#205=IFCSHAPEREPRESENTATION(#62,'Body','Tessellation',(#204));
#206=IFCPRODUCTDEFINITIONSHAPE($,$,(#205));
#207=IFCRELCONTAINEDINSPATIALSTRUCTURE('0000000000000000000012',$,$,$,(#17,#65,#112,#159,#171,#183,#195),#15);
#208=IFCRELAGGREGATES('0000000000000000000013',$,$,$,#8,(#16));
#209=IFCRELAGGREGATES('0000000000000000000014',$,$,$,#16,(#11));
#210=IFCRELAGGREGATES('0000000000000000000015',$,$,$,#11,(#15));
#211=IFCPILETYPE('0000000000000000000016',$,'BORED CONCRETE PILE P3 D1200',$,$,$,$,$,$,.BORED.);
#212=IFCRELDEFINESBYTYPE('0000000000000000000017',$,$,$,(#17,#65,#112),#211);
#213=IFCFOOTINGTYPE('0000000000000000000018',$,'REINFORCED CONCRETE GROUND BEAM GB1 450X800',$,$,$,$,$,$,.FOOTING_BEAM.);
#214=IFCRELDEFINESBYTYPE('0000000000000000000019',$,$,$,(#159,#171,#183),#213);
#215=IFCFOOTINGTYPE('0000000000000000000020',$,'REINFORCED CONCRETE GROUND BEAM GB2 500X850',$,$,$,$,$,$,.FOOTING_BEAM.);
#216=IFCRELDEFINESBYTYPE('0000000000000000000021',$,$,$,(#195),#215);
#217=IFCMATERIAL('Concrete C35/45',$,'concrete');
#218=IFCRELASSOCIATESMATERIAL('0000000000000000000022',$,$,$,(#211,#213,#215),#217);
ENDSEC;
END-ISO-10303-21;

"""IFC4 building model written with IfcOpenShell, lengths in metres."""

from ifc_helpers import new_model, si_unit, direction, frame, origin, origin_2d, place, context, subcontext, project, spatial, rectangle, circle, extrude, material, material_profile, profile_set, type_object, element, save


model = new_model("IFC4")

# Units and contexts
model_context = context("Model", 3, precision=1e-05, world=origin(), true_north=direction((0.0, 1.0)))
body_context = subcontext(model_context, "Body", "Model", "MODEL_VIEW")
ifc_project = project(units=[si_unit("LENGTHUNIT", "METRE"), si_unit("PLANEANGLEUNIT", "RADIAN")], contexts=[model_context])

-*-

Task statement
Output must be limited to the lines beginning with the one that contains "# Units and contexts" and ending with the last line of the entries, reproduced exactly.

Task result
# Units and contexts
model_context = context("Model", 3, precision=1e-05, world=origin(), true_north=direction((0.0, 1.0)))
body_context = subcontext(model_context, "Body", "Model", "MODEL_VIEW")
ifc_project = project(units=[si_unit("LENGTHUNIT", "METRE"), si_unit("PLANEANGLEUNIT", "RADIAN")], contexts=[model_context])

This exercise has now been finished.